# Your task
Transcribe the listing that follows exactly, from its first line to its last.

** Dataset records follows **

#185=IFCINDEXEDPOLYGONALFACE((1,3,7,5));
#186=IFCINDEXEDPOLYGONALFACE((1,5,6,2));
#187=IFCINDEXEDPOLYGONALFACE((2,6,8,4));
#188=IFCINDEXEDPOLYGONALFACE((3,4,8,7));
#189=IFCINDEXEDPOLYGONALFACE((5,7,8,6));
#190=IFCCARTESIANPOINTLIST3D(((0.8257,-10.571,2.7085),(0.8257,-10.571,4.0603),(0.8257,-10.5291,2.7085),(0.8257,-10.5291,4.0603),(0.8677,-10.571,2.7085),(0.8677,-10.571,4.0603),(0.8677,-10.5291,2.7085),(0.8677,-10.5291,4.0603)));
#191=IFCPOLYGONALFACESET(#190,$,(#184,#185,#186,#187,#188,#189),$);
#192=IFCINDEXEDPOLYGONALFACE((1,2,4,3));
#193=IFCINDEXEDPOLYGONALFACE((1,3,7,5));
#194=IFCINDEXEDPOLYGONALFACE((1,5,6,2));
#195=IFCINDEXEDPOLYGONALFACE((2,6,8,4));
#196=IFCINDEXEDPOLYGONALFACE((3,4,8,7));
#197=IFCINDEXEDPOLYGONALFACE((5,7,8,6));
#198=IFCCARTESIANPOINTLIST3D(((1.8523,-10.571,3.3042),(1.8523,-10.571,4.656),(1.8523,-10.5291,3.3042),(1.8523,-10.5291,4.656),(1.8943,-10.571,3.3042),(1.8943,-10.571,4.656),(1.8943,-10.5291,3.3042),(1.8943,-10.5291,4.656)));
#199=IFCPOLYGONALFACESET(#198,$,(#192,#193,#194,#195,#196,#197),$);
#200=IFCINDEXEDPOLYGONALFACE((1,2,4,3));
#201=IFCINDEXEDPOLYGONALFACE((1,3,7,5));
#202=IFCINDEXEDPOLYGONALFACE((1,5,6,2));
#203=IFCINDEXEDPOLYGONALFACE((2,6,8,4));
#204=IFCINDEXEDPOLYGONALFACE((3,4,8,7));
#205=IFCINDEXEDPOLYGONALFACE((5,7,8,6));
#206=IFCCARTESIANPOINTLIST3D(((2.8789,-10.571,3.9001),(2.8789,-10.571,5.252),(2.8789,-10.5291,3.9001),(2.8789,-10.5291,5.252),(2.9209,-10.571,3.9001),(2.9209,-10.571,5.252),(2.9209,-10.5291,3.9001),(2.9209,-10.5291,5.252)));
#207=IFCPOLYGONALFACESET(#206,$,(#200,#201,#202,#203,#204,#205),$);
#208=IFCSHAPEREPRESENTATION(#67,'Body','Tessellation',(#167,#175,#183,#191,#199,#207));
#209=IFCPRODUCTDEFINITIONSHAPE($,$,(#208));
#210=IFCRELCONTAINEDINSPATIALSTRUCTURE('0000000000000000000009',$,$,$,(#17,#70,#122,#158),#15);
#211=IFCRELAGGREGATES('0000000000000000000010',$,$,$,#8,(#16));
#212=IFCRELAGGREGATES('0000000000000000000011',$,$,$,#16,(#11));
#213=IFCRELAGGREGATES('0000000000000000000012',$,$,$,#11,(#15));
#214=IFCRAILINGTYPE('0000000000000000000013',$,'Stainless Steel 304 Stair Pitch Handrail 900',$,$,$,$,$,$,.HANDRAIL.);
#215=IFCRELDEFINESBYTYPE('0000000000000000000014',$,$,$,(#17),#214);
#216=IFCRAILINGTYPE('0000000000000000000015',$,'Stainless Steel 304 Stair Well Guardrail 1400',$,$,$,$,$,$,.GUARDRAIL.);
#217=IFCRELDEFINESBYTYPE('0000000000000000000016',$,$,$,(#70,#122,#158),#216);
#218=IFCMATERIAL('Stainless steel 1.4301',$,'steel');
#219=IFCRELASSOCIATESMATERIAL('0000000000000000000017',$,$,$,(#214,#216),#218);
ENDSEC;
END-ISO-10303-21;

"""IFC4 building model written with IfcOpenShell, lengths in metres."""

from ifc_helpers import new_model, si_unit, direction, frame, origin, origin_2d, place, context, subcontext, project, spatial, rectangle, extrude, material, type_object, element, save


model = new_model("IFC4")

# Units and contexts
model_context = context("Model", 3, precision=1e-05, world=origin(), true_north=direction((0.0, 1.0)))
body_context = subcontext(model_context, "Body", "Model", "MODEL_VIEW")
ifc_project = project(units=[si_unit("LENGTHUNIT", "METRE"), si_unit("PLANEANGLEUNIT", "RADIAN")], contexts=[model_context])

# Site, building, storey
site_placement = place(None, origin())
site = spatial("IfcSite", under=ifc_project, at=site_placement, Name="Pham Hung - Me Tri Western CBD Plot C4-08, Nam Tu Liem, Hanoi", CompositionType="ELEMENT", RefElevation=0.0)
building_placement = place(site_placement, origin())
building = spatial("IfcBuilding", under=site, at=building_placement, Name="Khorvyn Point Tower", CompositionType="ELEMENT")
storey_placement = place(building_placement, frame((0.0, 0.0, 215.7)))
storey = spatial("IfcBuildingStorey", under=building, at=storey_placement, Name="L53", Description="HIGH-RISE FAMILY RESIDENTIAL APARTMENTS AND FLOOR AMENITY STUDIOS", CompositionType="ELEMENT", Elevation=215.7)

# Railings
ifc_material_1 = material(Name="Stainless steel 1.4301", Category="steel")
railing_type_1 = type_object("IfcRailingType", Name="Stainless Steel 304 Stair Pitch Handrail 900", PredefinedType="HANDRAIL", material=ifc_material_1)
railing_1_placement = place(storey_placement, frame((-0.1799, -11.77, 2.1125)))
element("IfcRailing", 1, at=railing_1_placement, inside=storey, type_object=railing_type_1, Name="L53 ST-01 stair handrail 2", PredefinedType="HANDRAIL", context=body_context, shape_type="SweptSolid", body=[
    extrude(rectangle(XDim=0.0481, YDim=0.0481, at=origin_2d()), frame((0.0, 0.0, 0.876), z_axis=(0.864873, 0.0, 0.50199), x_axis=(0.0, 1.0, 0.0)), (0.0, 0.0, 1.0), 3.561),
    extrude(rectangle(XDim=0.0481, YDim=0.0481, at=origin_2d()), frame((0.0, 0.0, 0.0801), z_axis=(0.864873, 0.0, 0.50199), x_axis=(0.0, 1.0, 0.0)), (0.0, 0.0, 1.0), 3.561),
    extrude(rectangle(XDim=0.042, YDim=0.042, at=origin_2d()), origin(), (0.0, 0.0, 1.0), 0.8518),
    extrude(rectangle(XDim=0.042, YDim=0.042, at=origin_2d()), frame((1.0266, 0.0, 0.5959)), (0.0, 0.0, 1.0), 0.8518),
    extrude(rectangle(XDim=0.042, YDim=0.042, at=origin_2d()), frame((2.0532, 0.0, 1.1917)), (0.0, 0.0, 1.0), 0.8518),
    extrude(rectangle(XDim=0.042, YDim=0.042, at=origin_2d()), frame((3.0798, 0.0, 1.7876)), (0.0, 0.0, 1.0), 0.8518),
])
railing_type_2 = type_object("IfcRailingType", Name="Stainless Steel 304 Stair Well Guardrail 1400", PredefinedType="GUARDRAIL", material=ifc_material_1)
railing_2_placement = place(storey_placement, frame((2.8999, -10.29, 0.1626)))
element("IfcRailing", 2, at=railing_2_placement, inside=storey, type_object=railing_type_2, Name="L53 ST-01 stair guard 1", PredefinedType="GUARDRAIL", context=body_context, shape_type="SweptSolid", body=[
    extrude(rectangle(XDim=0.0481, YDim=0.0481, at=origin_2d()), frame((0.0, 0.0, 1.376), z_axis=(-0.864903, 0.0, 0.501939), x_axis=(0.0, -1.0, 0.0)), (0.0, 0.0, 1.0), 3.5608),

** End of Dataset records **

# Task result
#185=IFCINDEXEDPOLYGONALFACE((1,3,7,5));
#186=IFCINDEXEDPOLYGONALFACE((1,5,6,2));
#187=IFCINDEXEDPOLYGONALFACE((2,6,8,4));
#188=IFCINDEXEDPOLYGONALFACE((3,4,8,7));
#189=IFCINDEXEDPOLYGONALFACE((5,7,8,6));
#190=IFCCARTESIANPOINTLIST3D(((0.8257,-10.571,2.7085),(0.8257,-10.571,4.0603),(0.8257,-10.5291,2.7085),(0.8257,-10.5291,4.0603),(0.8677,-10.571,2.7085),(0.8677,-10.571,4.0603),(0.8677,-10.5291,2.7085),(0.8677,-10.5291,4.0603)));
#191=IFCPOLYGONALFACESET(#190,$,(#184,#185,#186,#187,#188,#189),$);
#192=IFCINDEXEDPOLYGONALFACE((1,2,4,3));
#193=IFCINDEXEDPOLYGONALFACE((1,3,7,5));
#194=IFCINDEXEDPOLYGONALFACE((1,5,6,2));
#195=IFCINDEXEDPOLYGONALFACE((2,6,8,4));
#196=IFCINDEXEDPOLYGONALFACE((3,4,8,7));
#197=IFCINDEXEDPOLYGONALFACE((5,7,8,6));
#198=IFCCARTESIANPOINTLIST3D(((1.8523,-10.571,3.3042),(1.8523,-10.571,4.656),(1.8523,-10.5291,3.3042),(1.8523,-10.5291,4.656),(1.8943,-10.571,3.3042),(1.8943,-10.571,4.656),(1.8943,-10.5291,3.3042),(1.8943,-10.5291,4.656)));
#199=IFCPOLYGONALFACESET(#198,$,(#192,#193,#194,#195,#196,#197),$);
#200=IFCINDEXEDPOLYGONALFACE((1,2,4,3));
#201=IFCINDEXEDPOLYGONALFACE((1,3,7,5));
#202=IFCINDEXEDPOLYGONALFACE((1,5,6,2));
#203=IFCINDEXEDPOLYGONALFACE((2,6,8,4));
#204=IFCINDEXEDPOLYGONALFACE((3,4,8,7));
#205=IFCINDEXEDPOLYGONALFACE((5,7,8,6));
#206=IFCCARTESIANPOINTLIST3D(((2.8789,-10.571,3.9001),(2.8789,-10.571,5.252),(2.8789,-10.5291,3.9001),(2.8789,-10.5291,5.252),(2.9209,-10.571,3.9001),(2.9209,-10.571,5.252),(2.9209,-10.5291,3.9001),(2.9209,-10.5291,5.252)));
#207=IFCPOLYGONALFACESET(#206,$,(#200,#201,#202,#203,#204,#205),$);
#208=IFCSHAPEREPRESENTATION(#67,'Body','Tessellation',(#167,#175,#183,#191,#199,#207));
#209=IFCPRODUCTDEFINITIONSHAPE($,$,(#208));
#210=IFCRELCONTAINEDINSPATIALSTRUCTURE('0000000000000000000009',$,$,$,(#17,#70,#122,#158),#15);
#211=IFCRELAGGREGATES('0000000000000000000010',$,$,$,#8,(#16));
#212=IFCRELAGGREGATES('0000000000000000000011',$,$,$,#16,(#11));
#213=IFCRELAGGREGATES('0000000000000000000012',$,$,$,#11,(#15));
#214=IFCRAILINGTYPE('0000000000000000000013',$,'Stainless Steel 304 Stair Pitch Handrail 900',$,$,$,$,$,$,.HANDRAIL.);
#215=IFCRELDEFINESBYTYPE('0000000000000000000014',$,$,$,(#17),#214);
#216=IFCRAILINGTYPE('0000000000000000000015',$,'Stainless Steel 304 Stair Well Guardrail 1400',$,$,$,$,$,$,.GUARDRAIL.);
#217=IFCRELDEFINESBYTYPE('0000000000000000000016',$,$,$,(#70,#122,#158),#216);
#218=IFCMATERIAL('Stainless steel 1.4301',$,'steel');
#219=IFCRELASSOCIATESMATERIAL('0000000000000000000017',$,$,$,(#214,#216),#218);
ENDSEC;
END-ISO-10303-21;

"""IFC4 building model written with IfcOpenShell, lengths in metres."""

from ifc_helpers import new_model, si_unit, direction, frame, origin, origin_2d, place, context, subcontext, project, spatial, rectangle, extrude, material, type_object, element, save


model = new_model("IFC4")

# Units and contexts
model_context = context("Model", 3, precision=1e-05, world=origin(), true_north=direction((0.0, 1.0)))
body_context = subcontext(model_context, "Body", "Model", "MODEL_VIEW")
ifc_project = project(units=[si_unit("LENGTHUNIT", "METRE"), si_unit("PLANEANGLEUNIT", "RADIAN")], contexts=[model_context])

# Site, building, storey
site_placement = place(None, origin())
site = spatial("IfcSite", under=ifc_project, at=site_placement, Name="Pham Hung - Me Tri Western CBD Plot C4-08, Nam Tu Liem, Hanoi", CompositionType="ELEMENT", RefElevation=0.0)
building_placement = place(site_placement, origin())
building = spatial("IfcBuilding", under=site, at=building_placement, Name="Khorvyn Point Tower", CompositionType="ELEMENT")
storey_placement = place(building_placement, frame((0.0, 0.0, 215.7)))
storey = spatial("IfcBuildingStorey", under=building, at=storey_placement, Name="L53", Description="HIGH-RISE FAMILY RESIDENTIAL APARTMENTS AND FLOOR AMENITY STUDIOS", CompositionType="ELEMENT", Elevation=215.7)

# Railings
ifc_material_1 = material(Name="Stainless steel 1.4301", Category="steel")
railing_type_1 = type_object("IfcRailingType", Name="Stainless Steel 304 Stair Pitch Handrail 900", PredefinedType="HANDRAIL", material=ifc_material_1)
railing_1_placement = place(storey_placement, frame((-0.1799, -11.77, 2.1125)))
element("IfcRailing", 1, at=railing_1_placement, inside=storey, type_object=railing_type_1, Name="L53 ST-01 stair handrail 2", PredefinedType="HANDRAIL", context=body_context, shape_type="SweptSolid", body=[
    extrude(rectangle(XDim=0.0481, YDim=0.0481, at=origin_2d()), frame((0.0, 0.0, 0.876), z_axis=(0.864873, 0.0, 0.50199), x_axis=(0.0, 1.0, 0.0)), (0.0, 0.0, 1.0), 3.561),
    extrude(rectangle(XDim=0.0481, YDim=0.0481, at=origin_2d()), frame((0.0, 0.0, 0.0801), z_axis=(0.864873, 0.0, 0.50199), x_axis=(0.0, 1.0, 0.0)), (0.0, 0.0, 1.0), 3.561),
    extrude(rectangle(XDim=0.042, YDim=0.042, at=origin_2d()), origin(), (0.0, 0.0, 1.0), 0.8518),
    extrude(rectangle(XDim=0.042, YDim=0.042, at=origin_2d()), frame((1.0266, 0.0, 0.5959)), (0.0, 0.0, 1.0), 0.8518),
    extrude(rectangle(XDim=0.042, YDim=0.042, at=origin_2d()), frame((2.0532, 0.0, 1.1917)), (0.0, 0.0, 1.0), 0.8518),
    extrude(rectangle(XDim=0.042, YDim=0.042, at=origin_2d()), frame((3.0798, 0.0, 1.7876)), (0.0, 0.0, 1.0), 0.8518),
])
railing_type_2 = type_object("IfcRailingType", Name="Stainless Steel 304 Stair Well Guardrail 1400", PredefinedType="GUARDRAIL", material=ifc_material_1)
railing_2_placement = place(storey_placement, frame((2.8999, -10.29, 0.1626)))
element("IfcRailing", 2, at=railing_2_placement, inside=storey, type_object=railing_type_2, Name="L53 ST-01 stair guard 1", PredefinedType="GUARDRAIL", context=body_context, shape_type="SweptSolid", body=[
    extrude(rectangle(XDim=0.0481, YDim=0.0481, at=origin_2d()), frame((0.0, 0.0, 1.376), z_axis=(-0.864903, 0.0, 0.501939), x_axis=(0.0, -1.0, 0.0)), (0.0, 0.0, 1.0), 3.5608),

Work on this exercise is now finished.